* **Task instructions**:
Look over the entries and say how many lines include the word "IFCSHAPEREPRESENTATION". Only the number, please.
(Exercise data begins)
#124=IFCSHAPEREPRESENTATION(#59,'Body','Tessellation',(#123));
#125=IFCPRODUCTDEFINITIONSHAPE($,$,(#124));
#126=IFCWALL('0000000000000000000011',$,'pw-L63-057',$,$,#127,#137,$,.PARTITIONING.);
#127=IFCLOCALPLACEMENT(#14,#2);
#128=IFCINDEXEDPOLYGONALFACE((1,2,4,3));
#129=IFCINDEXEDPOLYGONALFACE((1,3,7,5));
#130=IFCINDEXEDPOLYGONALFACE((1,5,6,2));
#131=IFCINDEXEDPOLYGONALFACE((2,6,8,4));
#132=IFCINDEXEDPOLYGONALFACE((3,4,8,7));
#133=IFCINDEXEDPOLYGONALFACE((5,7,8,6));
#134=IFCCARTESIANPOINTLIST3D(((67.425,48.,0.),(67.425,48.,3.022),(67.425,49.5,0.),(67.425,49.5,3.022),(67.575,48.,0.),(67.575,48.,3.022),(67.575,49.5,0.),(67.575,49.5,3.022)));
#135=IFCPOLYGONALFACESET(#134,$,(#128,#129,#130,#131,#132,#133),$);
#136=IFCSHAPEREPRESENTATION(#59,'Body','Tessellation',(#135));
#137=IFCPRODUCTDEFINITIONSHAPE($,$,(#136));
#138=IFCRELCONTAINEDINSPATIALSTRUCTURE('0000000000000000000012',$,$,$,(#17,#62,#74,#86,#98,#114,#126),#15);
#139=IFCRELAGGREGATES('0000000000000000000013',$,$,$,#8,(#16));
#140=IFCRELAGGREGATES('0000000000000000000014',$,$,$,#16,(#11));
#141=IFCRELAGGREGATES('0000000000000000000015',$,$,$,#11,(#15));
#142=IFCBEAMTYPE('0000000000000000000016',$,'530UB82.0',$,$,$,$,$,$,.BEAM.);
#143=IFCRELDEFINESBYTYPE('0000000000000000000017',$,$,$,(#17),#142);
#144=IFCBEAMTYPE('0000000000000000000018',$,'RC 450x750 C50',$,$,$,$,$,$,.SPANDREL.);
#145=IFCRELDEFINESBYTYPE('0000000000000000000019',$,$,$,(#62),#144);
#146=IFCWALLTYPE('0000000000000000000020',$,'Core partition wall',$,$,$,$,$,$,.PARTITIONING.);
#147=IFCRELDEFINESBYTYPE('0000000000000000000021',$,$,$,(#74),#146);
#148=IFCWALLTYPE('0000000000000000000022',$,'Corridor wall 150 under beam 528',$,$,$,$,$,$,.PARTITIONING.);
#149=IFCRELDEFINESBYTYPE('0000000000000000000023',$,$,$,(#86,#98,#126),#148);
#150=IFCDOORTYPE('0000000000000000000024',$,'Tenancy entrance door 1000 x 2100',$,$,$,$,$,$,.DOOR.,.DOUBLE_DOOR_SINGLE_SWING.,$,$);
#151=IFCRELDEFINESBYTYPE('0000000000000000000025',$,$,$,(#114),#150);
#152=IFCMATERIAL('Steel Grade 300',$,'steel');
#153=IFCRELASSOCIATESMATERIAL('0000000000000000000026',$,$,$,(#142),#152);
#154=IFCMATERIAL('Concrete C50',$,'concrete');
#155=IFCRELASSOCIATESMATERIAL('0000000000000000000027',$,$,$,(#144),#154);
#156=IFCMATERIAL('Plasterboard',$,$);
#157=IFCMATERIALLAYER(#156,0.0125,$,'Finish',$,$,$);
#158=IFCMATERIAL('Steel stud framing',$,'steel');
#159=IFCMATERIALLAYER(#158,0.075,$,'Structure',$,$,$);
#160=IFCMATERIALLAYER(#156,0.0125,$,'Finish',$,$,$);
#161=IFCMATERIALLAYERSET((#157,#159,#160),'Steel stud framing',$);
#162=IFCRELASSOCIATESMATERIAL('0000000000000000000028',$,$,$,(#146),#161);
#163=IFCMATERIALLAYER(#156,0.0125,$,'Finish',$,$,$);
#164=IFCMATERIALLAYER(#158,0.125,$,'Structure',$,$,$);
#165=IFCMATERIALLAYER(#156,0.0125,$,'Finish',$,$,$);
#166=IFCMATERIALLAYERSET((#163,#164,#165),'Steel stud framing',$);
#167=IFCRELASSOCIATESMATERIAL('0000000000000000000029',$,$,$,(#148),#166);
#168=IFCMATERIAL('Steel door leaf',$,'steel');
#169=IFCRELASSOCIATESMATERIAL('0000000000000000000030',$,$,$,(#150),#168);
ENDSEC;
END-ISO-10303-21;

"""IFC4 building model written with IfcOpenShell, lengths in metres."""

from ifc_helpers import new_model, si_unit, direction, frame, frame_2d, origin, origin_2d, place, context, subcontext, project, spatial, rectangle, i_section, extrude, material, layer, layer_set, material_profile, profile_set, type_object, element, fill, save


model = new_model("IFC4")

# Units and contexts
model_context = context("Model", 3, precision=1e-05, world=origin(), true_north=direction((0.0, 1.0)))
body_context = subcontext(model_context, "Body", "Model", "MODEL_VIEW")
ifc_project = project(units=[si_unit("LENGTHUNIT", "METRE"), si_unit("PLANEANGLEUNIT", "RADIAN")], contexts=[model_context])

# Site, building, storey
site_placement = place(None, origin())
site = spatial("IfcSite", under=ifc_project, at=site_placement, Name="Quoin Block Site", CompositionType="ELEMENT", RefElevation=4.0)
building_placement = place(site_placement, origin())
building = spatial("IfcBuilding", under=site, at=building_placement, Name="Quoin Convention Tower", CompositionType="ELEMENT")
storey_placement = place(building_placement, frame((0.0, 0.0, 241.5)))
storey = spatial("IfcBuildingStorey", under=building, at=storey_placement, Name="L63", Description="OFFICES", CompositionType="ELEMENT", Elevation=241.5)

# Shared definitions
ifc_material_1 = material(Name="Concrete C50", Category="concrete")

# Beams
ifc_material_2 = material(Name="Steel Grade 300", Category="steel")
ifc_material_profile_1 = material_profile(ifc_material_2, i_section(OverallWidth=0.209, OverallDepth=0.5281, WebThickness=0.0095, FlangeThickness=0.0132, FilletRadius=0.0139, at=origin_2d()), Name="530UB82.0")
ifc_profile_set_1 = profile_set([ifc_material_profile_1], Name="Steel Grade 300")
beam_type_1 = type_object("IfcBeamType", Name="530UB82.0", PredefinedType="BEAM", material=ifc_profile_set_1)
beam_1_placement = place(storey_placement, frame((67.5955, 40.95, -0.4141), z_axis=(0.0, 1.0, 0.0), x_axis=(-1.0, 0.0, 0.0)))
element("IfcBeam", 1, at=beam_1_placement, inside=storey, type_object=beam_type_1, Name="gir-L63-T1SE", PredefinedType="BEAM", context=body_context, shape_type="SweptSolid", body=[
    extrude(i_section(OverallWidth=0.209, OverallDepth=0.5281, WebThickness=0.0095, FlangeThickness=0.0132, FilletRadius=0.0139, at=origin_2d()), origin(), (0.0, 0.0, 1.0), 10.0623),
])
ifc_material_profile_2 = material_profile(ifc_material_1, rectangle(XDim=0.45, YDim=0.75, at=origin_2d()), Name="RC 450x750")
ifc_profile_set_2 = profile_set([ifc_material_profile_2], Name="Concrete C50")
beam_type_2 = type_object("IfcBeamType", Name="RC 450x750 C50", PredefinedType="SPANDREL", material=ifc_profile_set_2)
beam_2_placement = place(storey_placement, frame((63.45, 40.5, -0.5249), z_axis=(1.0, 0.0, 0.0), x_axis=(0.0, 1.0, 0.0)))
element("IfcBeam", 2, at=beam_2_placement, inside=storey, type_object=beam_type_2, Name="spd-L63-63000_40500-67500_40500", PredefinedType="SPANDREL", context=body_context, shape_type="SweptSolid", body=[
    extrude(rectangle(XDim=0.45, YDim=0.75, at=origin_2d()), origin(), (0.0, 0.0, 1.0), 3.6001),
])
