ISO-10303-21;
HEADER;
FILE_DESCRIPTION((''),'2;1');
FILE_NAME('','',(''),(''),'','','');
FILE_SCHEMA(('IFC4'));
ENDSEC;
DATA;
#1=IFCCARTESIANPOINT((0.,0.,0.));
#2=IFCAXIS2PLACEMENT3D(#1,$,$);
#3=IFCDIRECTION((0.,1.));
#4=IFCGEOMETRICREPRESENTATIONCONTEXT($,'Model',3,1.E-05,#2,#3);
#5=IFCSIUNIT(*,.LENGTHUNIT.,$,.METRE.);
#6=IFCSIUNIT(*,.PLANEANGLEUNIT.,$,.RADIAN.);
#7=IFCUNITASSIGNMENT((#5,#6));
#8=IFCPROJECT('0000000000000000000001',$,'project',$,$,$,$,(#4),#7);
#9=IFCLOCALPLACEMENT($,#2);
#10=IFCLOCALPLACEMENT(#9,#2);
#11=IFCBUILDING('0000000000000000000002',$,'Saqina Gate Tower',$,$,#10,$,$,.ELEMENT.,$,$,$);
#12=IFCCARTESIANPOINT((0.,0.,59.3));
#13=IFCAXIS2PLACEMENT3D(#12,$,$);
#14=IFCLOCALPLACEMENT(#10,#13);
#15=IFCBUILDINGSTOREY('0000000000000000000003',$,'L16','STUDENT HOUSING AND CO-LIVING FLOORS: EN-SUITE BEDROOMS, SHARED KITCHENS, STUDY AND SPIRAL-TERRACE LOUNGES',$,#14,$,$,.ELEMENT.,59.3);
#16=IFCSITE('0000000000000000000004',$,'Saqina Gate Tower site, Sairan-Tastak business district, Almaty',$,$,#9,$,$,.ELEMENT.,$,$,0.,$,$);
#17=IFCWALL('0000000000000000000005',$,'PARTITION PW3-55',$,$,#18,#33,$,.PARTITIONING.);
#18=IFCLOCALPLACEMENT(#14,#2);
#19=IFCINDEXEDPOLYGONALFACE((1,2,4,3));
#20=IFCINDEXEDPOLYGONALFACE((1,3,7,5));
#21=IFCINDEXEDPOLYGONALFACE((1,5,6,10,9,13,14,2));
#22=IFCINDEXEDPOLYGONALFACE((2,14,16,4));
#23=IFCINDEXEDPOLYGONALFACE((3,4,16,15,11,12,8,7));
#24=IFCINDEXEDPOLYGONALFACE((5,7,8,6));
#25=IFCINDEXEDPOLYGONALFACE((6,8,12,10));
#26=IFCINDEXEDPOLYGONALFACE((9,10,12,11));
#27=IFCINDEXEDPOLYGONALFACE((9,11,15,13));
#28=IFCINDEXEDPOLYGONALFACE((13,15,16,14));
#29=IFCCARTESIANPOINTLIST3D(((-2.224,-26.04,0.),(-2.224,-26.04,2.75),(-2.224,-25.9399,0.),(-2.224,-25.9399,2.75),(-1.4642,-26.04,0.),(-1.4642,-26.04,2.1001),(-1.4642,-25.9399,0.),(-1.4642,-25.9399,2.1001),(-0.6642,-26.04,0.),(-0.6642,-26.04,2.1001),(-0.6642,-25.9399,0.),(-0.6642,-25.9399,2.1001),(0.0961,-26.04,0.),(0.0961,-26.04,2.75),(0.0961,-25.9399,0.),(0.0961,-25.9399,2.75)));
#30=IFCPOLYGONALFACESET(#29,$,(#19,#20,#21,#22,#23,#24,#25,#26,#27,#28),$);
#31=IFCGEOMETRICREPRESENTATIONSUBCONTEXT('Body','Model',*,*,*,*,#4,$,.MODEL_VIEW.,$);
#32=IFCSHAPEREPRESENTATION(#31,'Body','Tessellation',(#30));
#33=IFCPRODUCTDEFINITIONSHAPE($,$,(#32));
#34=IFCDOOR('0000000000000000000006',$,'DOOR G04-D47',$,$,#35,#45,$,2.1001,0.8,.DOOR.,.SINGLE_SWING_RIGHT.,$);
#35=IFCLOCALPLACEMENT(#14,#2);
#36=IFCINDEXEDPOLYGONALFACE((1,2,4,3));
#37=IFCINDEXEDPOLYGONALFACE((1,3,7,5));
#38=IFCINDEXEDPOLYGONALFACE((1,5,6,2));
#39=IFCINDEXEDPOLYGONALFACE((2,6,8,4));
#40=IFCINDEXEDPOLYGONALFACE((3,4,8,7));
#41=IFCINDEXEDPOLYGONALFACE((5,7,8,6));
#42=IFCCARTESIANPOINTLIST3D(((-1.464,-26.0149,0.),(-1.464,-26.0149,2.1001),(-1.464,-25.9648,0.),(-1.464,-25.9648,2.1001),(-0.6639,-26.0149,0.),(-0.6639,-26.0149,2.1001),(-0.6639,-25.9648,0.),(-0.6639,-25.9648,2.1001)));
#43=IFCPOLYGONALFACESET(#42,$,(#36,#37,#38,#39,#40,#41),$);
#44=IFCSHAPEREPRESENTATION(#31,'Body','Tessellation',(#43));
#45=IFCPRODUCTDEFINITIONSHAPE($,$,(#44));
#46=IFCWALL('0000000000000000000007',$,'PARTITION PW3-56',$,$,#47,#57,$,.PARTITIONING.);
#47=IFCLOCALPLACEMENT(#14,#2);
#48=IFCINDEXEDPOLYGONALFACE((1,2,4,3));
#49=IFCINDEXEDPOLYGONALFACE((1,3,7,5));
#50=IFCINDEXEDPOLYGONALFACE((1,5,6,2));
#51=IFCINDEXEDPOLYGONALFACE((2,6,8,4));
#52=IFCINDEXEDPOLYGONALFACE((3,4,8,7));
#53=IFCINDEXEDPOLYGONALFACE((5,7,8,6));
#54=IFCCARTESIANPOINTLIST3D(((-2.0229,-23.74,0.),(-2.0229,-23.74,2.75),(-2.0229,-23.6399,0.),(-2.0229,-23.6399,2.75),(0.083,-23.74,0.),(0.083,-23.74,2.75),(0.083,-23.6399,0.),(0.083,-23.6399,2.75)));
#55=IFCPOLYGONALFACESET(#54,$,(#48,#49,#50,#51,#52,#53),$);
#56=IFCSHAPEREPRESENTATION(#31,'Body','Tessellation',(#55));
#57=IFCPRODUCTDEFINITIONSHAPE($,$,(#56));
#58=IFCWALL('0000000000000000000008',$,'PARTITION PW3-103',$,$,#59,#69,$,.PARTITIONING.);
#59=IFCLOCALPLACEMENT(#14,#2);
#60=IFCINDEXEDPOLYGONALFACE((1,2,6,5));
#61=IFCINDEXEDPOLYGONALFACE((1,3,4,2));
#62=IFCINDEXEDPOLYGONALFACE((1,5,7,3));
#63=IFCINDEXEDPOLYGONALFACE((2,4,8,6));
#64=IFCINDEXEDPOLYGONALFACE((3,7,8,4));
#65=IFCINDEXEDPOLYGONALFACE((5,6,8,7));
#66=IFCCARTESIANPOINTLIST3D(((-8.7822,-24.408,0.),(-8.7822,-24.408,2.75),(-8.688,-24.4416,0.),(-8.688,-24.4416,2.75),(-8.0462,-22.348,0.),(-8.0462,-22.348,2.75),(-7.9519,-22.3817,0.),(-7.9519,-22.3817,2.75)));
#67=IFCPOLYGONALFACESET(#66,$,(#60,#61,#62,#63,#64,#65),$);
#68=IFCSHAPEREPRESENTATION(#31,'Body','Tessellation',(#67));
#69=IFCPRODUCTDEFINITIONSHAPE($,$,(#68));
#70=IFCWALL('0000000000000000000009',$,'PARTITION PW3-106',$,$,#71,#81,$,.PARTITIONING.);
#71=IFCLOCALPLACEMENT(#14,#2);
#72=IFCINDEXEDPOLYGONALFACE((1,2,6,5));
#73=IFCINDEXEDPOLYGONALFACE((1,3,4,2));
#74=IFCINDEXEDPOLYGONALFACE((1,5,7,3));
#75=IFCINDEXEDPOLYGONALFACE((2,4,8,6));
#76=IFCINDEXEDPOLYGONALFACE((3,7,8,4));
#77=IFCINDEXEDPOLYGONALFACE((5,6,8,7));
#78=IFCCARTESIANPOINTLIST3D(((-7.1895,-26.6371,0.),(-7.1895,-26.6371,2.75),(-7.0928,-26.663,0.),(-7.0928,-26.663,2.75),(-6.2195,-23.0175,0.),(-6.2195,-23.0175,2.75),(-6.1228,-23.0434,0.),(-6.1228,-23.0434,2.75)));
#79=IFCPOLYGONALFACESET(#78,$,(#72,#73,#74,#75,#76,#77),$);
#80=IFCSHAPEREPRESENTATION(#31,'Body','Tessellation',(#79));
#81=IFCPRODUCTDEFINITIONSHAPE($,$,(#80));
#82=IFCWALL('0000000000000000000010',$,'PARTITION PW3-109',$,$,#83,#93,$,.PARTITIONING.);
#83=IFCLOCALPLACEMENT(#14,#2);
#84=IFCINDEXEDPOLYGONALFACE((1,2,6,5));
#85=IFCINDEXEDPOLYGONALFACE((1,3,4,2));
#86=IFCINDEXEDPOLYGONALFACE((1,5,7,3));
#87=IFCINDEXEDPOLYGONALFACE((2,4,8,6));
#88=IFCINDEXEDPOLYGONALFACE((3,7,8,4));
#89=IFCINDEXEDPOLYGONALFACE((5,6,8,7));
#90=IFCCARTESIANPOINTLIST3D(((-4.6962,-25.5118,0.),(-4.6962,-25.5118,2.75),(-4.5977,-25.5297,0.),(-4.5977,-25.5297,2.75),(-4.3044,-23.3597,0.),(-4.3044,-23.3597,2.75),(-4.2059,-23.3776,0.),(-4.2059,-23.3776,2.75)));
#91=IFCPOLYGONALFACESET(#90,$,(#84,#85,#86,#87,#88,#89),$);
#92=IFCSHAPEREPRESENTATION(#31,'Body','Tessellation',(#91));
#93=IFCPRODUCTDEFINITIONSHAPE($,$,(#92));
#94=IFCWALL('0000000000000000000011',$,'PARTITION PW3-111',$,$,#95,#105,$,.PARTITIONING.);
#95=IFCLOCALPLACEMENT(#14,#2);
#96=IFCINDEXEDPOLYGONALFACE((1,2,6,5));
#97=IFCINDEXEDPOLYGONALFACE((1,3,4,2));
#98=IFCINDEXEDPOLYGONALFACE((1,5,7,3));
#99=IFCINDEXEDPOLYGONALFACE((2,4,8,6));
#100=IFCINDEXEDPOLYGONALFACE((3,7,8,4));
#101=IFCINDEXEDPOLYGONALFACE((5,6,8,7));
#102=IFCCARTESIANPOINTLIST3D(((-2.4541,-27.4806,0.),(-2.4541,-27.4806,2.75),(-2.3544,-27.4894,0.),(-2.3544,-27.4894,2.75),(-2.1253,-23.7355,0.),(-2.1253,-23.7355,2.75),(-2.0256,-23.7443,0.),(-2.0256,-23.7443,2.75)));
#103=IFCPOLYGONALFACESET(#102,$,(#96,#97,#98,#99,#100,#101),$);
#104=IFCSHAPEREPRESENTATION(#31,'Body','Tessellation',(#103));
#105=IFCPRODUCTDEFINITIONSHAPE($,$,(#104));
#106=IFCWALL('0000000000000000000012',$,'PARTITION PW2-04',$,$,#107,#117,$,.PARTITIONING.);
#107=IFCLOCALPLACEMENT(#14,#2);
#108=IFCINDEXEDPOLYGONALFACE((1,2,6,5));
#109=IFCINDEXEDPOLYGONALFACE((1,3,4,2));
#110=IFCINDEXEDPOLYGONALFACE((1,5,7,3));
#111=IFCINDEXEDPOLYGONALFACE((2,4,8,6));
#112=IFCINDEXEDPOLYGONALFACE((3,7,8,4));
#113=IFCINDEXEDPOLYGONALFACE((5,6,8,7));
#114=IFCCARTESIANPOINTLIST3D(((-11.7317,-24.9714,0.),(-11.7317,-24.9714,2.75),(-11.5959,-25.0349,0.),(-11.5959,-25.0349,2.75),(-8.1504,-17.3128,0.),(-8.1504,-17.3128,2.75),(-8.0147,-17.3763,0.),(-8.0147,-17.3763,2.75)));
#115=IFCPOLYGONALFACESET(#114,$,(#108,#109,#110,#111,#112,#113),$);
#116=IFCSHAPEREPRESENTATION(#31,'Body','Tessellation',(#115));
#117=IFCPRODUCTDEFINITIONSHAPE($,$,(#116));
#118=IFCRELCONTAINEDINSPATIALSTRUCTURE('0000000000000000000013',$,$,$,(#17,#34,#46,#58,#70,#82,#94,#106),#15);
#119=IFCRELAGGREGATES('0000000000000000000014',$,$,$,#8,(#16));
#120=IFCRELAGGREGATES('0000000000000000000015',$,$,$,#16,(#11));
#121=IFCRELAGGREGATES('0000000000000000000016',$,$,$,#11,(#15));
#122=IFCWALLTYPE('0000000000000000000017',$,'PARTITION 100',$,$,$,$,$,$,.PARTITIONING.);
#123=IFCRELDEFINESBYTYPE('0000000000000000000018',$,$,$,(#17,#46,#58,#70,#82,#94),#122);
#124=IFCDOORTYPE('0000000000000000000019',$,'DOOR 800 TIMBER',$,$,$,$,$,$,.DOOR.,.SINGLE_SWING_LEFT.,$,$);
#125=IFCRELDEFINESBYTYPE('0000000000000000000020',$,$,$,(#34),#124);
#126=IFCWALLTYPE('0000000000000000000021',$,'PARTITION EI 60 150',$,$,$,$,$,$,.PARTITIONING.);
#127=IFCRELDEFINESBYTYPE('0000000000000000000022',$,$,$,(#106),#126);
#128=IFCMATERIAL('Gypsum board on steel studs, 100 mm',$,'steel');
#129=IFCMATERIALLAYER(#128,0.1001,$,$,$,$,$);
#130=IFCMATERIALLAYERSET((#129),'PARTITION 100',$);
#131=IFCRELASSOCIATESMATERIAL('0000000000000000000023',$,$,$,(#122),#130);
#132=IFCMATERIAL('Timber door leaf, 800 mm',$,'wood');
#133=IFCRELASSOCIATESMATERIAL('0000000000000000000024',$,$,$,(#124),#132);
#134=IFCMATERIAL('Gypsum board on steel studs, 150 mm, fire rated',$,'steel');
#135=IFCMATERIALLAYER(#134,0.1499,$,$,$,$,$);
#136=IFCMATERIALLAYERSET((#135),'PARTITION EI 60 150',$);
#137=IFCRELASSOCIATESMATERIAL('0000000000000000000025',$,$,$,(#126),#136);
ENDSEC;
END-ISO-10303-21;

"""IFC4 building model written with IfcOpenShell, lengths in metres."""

from ifc_helpers import new_model, si_unit, direction, frame, frame_2d, origin, place, context, subcontext, project, spatial, rectangle, extrude, material, layer, layer_set, type_object, element, fill, save


model = new_model("IFC4")

# Units and contexts
model_context = context("Model", 3, precision=1e-05, world=origin(), true_north=direction((0.0, 1.0)))
body_context = subcontext(model_context, "Body", "Model", "MODEL_VIEW")
ifc_project = project(units=[si_unit("LENGTHUNIT", "METRE"), si_unit("PLANEANGLEUNIT", "RADIAN")], contexts=[model_context])

# Site, building, storey
site_placement = place(None, origin())
site = spatial("IfcSite", under=ifc_project, at=site_placement, Name="Saqina Gate Tower site, Sairan-Tastak business district, Almaty", CompositionType="ELEMENT", RefElevation=0.0)
building_placement = place(site_placement, origin())
building = spatial("IfcBuilding", under=site, at=building_placement, Name="Saqina Gate Tower", CompositionType="ELEMENT")
storey_placement = place(building_placement, frame((0.0, 0.0, 59.3)))
storey = spatial("IfcBuildingStorey", under=building, at=storey_placement, Name="L16", Description="STUDENT HOUSING AND CO-LIVING FLOORS: EN-SUITE BEDROOMS, SHARED KITCHENS, STUDY AND SPIRAL-TERRACE LOUNGES", CompositionType="ELEMENT", Elevation=59.3)

# Wall, opening, door
ifc_material_1 = material(Name="Gypsum board on steel studs, 100 mm", Category="steel")
ifc_layer_1 = layer(ifc_material_1, 0.1001)
ifc_layer_set_1 = layer_set([ifc_layer_1], Name="PARTITION 100")
wall_type_1 = type_object("IfcWallType", Name="PARTITION 100", PredefinedType="PARTITIONING", material=ifc_layer_set_1)
ifc_material_2 = material(Name="Timber door leaf, 800 mm", Category="wood")
door_type = type_object("IfcDoorType", Name="DOOR 800 TIMBER", OperationType="SINGLE_SWING_LEFT", PredefinedType="DOOR", material=ifc_material_2)
wall_1_placement = place(storey_placement, frame((-2.2241, -25.99, 0.0), z_axis=(0.0, 0.0, 1.0), x_axis=(1.0, 0.0, 0.0)))
wall_1 = element("IfcWall", 1, at=wall_1_placement, inside=storey, type_object=wall_type_1, Name="PARTITION PW3-55", PredefinedType="PARTITIONING", context=body_context, shape_type="SweptSolid", body=[
    extrude(rectangle(XDim=2.3201, YDim=0.1001, at=frame_2d((1.1602, 0.0))), origin(), (0.0, 0.0, 1.0), 2.75),
])
opening_1_placement = place(wall_1_placement, frame((0.76, 0.0, 0.0)))
opening_1 = element("IfcOpeningElement", 2, at=opening_1_placement, cuts=wall_1, PredefinedType="OPENING", context=body_context, shape_type="SweptSolid", body=[
    extrude(rectangle(XDim=0.8, YDim=2.1001, at=frame_2d((0.3999, 1.05))), frame((0.0, 0.062, 0.0), z_axis=(0.0, -1.0, 0.0), x_axis=(1.0, 0.0, 0.0)), (0.0, 0.0, 1.0), 0.124),
])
(Exercise data ends)
* **Solution for this task**:
10